(WHAT YOU WILL DO): The result should be every line in the data below that carries the string "IFCBEAMTYPE".

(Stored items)

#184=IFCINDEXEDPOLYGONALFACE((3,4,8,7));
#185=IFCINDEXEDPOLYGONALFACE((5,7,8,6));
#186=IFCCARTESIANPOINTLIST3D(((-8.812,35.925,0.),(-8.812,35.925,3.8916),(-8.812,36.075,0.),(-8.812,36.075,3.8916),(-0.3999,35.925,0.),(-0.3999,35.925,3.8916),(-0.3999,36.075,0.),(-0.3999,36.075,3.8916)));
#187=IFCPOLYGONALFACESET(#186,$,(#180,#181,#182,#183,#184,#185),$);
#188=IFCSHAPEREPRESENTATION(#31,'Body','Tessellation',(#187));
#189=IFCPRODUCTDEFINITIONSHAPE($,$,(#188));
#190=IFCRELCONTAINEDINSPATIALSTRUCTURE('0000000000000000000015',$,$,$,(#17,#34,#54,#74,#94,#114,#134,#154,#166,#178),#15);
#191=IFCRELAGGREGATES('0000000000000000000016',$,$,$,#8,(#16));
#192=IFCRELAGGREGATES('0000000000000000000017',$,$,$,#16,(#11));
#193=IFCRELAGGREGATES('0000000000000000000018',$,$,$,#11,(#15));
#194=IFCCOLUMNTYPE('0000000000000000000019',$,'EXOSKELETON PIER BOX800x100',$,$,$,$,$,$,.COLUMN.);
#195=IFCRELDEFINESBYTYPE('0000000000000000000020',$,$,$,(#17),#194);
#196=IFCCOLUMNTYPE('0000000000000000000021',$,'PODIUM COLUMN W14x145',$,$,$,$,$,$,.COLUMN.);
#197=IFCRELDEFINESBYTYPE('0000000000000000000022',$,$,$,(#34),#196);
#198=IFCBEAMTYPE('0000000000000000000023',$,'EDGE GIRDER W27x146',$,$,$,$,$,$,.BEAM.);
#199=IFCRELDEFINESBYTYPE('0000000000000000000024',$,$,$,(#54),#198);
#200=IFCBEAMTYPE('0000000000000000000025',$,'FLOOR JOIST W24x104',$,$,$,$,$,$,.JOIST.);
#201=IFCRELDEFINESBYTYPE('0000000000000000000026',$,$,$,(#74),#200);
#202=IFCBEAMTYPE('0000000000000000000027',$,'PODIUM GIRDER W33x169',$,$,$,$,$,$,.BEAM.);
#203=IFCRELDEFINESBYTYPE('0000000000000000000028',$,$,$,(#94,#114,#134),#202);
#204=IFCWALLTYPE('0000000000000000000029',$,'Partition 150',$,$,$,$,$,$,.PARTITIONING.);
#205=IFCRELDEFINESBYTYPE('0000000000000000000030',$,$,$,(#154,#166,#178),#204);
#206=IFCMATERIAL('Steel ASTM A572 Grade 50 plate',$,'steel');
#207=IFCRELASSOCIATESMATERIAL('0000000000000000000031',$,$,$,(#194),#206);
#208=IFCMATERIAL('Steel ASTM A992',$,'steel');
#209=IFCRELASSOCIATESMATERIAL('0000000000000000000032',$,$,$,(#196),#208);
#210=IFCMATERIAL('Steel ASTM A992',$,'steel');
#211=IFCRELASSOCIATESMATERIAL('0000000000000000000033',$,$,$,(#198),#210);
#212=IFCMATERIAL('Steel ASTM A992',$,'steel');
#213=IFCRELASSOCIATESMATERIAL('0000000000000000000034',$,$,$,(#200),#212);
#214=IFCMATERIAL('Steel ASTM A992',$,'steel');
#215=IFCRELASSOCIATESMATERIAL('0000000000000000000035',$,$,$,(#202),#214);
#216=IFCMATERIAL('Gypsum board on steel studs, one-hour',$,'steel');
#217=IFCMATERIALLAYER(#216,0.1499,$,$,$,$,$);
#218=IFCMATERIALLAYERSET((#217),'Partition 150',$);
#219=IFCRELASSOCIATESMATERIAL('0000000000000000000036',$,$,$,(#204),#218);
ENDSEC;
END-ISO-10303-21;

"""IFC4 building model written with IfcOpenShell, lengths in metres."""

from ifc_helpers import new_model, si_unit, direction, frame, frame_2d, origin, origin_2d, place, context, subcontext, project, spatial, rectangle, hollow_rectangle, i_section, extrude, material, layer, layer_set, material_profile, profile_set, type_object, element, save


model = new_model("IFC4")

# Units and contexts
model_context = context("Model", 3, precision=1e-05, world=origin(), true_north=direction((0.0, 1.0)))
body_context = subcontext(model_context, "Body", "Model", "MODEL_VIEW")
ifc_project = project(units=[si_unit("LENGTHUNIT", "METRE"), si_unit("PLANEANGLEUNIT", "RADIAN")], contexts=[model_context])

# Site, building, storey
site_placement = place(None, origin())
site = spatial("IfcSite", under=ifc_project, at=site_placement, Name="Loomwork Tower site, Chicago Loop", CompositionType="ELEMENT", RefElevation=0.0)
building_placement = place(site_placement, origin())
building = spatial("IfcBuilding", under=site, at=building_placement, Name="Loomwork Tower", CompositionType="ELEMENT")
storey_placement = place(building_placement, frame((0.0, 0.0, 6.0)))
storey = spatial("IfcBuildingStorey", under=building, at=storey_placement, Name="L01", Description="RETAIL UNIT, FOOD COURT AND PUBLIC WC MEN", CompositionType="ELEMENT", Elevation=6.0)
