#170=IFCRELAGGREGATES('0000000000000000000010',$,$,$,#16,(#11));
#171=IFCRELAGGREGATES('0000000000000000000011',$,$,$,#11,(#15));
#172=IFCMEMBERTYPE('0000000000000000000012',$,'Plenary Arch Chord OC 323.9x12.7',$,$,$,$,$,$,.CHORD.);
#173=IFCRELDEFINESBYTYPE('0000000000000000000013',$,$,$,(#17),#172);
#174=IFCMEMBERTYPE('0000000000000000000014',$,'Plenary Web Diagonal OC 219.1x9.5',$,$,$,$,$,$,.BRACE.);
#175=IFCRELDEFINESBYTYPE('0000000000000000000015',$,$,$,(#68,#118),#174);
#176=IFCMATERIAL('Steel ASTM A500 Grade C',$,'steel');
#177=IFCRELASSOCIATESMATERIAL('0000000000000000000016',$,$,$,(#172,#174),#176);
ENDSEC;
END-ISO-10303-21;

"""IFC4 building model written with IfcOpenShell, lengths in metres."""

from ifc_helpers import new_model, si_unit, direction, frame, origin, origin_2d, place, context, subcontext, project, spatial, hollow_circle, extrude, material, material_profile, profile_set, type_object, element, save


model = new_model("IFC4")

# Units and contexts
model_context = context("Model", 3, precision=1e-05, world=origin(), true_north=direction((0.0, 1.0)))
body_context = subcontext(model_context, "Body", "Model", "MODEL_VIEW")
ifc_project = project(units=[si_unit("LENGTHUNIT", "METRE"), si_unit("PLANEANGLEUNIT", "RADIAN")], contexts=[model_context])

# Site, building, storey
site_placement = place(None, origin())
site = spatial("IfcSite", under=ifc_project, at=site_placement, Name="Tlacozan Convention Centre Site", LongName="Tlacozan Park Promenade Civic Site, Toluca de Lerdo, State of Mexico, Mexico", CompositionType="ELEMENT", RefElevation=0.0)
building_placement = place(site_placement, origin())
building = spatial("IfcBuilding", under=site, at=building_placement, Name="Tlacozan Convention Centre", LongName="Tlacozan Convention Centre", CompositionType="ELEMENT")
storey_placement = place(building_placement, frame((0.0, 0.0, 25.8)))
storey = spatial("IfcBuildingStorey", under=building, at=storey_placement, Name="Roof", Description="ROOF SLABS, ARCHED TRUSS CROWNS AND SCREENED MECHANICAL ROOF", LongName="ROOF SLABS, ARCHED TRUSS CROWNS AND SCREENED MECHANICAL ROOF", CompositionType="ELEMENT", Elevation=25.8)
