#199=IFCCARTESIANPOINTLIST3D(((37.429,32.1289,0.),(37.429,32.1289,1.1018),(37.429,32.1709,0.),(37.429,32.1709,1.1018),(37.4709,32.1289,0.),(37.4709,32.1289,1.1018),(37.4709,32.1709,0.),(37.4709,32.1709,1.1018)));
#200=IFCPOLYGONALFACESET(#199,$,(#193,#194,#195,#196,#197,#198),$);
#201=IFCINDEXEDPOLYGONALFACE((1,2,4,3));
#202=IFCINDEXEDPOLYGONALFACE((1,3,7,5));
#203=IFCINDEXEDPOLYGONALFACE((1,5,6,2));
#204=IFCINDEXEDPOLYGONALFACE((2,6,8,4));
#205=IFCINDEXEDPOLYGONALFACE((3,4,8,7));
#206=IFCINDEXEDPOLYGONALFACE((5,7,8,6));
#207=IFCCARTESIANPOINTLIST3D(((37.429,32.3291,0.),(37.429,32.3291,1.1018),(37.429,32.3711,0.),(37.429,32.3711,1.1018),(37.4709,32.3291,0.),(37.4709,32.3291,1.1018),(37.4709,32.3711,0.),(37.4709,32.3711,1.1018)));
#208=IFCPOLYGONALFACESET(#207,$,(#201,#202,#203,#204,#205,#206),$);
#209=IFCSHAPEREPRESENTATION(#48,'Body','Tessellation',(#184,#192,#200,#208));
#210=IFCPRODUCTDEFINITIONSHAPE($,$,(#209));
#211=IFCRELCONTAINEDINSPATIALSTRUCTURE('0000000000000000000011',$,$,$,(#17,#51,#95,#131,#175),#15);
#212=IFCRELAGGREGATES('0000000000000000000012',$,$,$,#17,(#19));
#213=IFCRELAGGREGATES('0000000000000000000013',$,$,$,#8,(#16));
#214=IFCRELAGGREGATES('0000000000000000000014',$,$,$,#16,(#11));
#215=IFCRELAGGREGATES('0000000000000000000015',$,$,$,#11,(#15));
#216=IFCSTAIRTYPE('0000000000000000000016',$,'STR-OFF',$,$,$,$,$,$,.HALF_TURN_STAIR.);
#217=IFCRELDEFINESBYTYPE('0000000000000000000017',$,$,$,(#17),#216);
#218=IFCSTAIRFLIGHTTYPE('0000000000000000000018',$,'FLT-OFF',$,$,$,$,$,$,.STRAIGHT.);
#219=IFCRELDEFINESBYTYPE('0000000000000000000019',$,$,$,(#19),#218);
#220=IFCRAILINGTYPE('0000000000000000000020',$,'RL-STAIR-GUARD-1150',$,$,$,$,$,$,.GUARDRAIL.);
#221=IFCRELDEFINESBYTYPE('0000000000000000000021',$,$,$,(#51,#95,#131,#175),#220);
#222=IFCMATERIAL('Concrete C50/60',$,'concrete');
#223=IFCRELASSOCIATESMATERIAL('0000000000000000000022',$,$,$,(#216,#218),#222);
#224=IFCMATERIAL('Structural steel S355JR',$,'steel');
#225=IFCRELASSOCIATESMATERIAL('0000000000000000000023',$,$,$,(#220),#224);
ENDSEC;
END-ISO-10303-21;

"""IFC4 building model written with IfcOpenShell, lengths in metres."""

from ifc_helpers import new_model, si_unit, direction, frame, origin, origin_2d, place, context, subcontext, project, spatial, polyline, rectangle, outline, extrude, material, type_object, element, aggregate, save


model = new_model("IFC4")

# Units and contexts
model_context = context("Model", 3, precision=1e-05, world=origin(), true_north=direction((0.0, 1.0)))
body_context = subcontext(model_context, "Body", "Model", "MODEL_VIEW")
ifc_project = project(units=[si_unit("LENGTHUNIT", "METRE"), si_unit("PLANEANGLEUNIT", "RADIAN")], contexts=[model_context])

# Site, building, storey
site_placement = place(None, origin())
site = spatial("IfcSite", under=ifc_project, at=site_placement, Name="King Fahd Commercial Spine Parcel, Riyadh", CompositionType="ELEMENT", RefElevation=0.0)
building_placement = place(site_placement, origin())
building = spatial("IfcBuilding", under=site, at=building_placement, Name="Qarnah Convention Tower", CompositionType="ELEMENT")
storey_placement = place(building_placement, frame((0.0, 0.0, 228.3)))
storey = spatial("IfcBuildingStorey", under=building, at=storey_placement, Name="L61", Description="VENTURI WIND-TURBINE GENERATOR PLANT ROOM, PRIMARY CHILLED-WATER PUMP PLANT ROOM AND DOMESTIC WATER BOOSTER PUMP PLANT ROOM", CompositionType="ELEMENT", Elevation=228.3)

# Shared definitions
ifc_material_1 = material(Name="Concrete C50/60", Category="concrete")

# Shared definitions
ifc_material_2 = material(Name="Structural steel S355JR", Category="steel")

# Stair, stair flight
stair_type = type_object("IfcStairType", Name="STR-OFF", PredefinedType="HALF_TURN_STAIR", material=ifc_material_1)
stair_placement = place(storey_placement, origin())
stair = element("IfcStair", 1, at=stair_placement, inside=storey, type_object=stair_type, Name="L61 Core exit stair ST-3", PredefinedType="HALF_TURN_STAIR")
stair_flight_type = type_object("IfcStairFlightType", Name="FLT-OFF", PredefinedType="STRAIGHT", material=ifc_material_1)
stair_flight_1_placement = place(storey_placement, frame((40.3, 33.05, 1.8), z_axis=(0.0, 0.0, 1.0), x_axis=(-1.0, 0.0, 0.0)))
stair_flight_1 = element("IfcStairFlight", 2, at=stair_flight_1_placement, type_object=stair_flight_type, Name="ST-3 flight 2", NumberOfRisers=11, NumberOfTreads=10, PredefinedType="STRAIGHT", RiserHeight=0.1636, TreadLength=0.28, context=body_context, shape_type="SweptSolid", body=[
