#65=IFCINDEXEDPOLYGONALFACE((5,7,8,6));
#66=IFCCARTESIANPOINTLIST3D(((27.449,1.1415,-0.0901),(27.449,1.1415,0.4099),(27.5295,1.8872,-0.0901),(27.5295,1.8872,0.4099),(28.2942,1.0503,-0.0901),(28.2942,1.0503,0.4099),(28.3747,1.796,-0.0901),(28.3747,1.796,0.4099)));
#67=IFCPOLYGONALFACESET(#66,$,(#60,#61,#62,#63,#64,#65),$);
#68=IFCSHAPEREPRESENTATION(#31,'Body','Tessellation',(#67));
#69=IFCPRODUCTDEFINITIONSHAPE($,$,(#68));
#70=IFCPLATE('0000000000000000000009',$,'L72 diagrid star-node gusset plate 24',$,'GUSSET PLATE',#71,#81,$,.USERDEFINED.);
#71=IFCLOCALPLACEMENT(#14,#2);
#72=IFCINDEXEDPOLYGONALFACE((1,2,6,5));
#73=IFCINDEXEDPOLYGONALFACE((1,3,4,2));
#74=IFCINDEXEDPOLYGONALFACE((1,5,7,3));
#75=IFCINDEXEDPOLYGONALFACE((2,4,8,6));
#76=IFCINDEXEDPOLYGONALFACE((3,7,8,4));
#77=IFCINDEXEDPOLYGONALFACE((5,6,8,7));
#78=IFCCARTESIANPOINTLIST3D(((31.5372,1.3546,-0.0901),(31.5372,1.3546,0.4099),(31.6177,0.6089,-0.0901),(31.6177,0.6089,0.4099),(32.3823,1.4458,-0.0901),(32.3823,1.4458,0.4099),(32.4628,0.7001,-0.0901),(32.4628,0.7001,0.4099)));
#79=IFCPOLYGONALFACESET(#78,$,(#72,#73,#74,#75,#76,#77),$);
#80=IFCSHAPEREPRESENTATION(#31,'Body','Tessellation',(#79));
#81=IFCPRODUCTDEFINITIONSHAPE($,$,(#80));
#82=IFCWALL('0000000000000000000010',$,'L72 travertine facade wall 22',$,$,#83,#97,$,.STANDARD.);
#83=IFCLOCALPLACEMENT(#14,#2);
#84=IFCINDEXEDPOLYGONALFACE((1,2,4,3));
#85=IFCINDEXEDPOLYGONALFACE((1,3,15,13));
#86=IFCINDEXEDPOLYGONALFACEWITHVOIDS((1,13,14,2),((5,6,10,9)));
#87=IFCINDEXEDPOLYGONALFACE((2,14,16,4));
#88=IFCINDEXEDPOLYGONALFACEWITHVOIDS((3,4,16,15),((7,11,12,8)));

(SOLVED EXERCISE):
#198=IFCBEAMTYPE('0000000000000000000023',$,'EDGE GIRDER W27x146',$,$,$,$,$,$,.BEAM.);
#200=IFCBEAMTYPE('0000000000000000000025',$,'FLOOR JOIST W24x104',$,$,$,$,$,$,.JOIST.);
#202=IFCBEAMTYPE('0000000000000000000027',$,'PODIUM GIRDER W33x169',$,$,$,$,$,$,.BEAM.);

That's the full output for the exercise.